• **About this exercise**:
A single number is the whole answer: the tally of lines in the data below that include the word "IFCMATERIALLAYERSET".

• **Materials provided**:
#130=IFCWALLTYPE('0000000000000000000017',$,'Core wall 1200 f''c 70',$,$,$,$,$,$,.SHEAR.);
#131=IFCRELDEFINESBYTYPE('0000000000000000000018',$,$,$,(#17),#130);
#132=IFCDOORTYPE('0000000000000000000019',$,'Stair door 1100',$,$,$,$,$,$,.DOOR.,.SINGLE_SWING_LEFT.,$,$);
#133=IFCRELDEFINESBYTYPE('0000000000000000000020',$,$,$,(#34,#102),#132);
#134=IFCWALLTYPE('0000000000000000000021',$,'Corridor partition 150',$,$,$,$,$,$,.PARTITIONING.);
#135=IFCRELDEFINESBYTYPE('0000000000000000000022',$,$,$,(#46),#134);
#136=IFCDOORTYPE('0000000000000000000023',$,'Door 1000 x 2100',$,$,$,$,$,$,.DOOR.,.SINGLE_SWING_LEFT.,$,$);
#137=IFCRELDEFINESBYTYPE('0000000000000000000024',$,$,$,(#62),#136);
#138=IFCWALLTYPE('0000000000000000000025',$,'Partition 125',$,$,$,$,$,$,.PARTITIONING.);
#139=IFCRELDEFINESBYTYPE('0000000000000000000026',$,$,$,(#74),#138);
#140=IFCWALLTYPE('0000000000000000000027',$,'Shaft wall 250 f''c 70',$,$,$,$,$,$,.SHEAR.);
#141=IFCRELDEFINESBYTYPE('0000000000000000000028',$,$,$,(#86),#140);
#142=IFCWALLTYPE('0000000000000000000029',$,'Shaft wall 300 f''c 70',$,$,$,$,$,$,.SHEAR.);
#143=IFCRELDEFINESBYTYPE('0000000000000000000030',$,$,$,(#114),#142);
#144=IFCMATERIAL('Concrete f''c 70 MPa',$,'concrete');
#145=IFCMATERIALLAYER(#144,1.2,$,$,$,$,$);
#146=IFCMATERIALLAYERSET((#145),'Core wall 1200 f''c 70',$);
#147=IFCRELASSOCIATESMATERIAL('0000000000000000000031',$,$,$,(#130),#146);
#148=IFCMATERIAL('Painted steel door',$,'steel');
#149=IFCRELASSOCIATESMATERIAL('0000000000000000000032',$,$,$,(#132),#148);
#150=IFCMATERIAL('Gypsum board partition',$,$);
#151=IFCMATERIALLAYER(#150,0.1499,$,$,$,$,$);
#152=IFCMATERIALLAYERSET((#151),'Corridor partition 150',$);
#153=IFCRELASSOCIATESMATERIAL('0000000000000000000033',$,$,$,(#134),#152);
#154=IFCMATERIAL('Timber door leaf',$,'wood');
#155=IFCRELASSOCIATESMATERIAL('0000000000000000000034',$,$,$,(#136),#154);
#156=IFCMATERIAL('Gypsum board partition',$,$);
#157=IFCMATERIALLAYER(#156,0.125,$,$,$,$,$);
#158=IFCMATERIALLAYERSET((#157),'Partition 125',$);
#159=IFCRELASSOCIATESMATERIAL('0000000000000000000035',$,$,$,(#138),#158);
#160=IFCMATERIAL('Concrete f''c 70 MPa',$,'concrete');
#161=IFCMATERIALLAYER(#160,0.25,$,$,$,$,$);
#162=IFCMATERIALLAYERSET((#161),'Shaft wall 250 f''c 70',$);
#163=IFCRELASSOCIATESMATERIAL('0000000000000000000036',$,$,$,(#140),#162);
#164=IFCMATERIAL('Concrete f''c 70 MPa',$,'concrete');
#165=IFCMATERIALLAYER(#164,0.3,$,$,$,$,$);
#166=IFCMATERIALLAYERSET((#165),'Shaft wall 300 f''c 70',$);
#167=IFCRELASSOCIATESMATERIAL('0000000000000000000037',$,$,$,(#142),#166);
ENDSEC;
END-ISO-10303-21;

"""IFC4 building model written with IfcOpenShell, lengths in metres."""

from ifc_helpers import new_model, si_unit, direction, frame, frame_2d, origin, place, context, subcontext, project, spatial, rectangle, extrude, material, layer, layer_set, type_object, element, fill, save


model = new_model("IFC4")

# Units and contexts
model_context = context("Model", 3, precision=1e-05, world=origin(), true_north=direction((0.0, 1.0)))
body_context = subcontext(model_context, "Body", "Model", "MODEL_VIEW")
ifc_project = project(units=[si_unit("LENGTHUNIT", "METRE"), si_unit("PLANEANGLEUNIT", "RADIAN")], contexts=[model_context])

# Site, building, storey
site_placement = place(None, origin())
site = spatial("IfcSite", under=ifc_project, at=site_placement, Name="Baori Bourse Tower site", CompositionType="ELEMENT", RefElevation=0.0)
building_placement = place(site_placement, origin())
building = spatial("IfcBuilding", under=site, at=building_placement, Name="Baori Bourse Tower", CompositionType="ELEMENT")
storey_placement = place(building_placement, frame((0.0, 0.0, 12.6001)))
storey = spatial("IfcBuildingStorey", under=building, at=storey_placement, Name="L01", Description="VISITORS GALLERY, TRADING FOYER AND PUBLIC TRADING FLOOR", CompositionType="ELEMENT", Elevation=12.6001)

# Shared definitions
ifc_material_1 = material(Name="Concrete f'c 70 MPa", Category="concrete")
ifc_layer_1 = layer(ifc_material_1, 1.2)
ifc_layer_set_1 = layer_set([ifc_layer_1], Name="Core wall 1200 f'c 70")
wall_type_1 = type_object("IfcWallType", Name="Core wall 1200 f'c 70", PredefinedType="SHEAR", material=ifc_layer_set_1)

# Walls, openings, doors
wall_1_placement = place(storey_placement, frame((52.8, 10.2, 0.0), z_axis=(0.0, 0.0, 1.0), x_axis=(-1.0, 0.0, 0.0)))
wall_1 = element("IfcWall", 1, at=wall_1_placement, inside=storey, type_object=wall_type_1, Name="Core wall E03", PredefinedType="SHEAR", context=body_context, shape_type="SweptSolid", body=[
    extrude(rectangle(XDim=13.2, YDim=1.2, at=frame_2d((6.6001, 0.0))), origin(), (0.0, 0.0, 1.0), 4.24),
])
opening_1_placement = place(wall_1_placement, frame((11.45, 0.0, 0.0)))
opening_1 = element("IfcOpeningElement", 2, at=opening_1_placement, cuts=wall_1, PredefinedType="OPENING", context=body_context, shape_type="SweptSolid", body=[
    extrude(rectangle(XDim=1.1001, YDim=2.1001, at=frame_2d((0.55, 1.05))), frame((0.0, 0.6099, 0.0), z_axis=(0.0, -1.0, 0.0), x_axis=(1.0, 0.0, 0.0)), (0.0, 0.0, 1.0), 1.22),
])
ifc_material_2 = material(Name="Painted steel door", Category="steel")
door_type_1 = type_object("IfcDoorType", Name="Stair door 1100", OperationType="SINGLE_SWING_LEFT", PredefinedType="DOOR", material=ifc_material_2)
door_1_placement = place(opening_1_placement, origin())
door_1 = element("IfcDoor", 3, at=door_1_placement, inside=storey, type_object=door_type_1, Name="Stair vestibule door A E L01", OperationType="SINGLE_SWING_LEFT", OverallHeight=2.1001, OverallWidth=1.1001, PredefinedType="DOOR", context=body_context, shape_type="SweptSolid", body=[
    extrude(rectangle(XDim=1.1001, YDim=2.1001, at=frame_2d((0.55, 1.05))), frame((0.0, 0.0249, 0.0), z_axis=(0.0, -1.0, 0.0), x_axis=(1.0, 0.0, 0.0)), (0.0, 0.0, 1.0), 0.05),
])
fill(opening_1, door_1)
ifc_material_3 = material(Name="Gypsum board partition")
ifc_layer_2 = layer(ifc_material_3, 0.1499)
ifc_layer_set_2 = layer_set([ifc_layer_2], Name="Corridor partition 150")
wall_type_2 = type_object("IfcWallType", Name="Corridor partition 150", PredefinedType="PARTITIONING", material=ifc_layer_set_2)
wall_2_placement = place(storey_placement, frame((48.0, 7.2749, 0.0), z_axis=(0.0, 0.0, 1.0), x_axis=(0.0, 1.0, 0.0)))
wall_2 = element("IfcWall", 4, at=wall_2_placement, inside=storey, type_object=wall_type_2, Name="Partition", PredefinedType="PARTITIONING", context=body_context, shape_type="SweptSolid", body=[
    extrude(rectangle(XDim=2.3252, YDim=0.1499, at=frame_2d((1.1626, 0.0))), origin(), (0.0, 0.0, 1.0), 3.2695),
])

• **Your solution**:
5